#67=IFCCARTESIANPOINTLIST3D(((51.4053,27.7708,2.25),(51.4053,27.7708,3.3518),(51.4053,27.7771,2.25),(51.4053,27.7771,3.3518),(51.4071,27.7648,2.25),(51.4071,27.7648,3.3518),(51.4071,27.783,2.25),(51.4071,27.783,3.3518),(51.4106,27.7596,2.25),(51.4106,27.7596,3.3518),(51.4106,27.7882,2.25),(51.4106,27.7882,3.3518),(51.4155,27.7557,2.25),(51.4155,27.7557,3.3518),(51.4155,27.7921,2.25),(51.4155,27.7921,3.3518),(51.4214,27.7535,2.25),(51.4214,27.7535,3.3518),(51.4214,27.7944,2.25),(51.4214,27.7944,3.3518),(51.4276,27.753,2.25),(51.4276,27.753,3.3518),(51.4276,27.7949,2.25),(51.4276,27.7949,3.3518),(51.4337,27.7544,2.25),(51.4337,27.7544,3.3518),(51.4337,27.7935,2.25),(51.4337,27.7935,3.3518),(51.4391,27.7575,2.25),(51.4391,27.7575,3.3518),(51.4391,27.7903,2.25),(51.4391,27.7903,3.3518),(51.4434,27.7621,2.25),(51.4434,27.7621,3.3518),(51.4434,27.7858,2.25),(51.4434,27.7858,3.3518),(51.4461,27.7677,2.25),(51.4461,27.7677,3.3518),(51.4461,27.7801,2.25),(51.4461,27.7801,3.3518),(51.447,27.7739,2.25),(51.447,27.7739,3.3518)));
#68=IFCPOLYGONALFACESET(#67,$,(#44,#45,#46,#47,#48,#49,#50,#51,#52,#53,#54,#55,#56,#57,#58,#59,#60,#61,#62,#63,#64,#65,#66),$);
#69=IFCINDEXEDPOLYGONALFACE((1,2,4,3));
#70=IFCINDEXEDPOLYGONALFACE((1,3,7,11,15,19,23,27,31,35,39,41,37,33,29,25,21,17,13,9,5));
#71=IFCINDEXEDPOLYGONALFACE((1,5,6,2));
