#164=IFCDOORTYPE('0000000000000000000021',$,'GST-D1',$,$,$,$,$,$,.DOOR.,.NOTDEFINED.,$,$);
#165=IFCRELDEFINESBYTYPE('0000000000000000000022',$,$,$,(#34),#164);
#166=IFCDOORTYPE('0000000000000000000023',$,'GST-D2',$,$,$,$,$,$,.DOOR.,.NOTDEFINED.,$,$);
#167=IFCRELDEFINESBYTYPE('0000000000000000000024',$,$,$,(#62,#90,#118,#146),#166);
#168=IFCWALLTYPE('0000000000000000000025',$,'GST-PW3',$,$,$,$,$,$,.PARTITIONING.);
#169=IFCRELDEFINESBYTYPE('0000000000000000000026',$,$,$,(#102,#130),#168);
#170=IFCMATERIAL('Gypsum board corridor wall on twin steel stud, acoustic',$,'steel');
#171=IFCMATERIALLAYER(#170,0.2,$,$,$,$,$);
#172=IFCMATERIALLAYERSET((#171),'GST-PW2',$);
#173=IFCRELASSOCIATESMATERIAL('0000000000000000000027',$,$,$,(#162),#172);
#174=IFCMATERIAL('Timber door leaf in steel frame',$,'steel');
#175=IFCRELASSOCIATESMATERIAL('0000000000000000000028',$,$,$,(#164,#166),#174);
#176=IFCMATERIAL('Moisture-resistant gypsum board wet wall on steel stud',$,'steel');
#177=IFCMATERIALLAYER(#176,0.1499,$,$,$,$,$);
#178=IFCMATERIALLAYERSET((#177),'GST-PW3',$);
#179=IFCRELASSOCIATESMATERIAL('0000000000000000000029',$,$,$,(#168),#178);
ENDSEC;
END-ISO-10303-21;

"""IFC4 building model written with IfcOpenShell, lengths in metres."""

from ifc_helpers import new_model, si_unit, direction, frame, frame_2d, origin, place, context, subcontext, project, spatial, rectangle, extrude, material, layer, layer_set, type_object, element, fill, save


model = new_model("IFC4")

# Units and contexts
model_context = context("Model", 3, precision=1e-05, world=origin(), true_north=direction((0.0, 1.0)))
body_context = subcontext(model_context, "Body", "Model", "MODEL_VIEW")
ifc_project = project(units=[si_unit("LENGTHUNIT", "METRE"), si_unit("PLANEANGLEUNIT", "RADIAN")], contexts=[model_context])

========

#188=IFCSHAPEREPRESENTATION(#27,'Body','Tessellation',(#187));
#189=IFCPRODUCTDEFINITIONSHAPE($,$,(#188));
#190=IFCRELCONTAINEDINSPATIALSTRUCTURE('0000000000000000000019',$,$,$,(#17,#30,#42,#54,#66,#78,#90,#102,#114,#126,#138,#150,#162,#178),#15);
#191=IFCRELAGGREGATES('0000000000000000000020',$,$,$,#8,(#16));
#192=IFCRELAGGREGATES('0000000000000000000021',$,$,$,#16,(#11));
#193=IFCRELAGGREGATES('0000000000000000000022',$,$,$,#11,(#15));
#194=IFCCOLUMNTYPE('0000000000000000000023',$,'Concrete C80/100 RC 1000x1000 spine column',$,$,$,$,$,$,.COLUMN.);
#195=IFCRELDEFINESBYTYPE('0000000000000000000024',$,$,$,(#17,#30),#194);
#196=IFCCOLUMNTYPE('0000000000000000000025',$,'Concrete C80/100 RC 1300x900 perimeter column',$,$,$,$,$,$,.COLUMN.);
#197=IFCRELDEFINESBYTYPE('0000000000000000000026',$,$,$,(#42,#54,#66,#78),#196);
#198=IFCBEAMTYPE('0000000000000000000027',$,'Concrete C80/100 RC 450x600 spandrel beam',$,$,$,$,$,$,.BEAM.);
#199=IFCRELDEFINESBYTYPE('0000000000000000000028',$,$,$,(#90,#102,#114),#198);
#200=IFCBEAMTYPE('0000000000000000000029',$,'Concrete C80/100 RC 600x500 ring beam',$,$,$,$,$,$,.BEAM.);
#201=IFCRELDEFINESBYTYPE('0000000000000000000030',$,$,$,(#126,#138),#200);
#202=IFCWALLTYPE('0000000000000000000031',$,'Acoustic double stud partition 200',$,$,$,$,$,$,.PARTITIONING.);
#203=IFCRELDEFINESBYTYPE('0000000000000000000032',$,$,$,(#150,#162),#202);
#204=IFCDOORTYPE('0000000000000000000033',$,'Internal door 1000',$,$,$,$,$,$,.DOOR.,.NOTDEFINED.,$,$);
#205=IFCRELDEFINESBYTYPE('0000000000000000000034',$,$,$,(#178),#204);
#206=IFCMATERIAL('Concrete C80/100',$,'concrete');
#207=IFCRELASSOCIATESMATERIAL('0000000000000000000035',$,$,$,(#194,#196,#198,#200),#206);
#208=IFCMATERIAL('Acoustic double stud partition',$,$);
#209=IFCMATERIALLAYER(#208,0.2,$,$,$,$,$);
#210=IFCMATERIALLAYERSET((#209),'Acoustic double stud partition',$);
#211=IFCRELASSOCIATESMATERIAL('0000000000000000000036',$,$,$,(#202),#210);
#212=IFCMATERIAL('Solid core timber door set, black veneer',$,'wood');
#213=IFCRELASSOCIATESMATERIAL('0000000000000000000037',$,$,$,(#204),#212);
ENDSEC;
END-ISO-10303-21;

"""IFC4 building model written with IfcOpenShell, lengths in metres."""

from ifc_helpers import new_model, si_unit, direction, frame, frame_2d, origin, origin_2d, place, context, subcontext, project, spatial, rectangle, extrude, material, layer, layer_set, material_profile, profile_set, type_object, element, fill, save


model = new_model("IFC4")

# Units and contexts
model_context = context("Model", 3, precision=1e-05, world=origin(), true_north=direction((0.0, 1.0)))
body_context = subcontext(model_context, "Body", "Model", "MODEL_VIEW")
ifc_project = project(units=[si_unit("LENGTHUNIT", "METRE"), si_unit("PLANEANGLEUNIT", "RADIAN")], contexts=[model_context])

========

Search the preceding listing for "direction" and extract every line where it is found.

## ANSWER SECTION
from ifc_helpers import new_model, si_unit, direction, frame, frame_2d, origin, place, context, subcontext, project, spatial, rectangle, extrude, material, layer, layer_set, type_object, element, fill, save
model_context = context("Model", 3, precision=1e-05, world=origin(), true_north=direction((0.0, 1.0)))
from ifc_helpers import new_model, si_unit, direction, frame, frame_2d, origin, origin_2d, place, context, subcontext, project, spatial, rectangle, extrude, material, layer, layer_set, material_profile, profile_set, type_object, element, fill, save
model_context = context("Model", 3, precision=1e-05, world=origin(), true_north=direction((0.0, 1.0)))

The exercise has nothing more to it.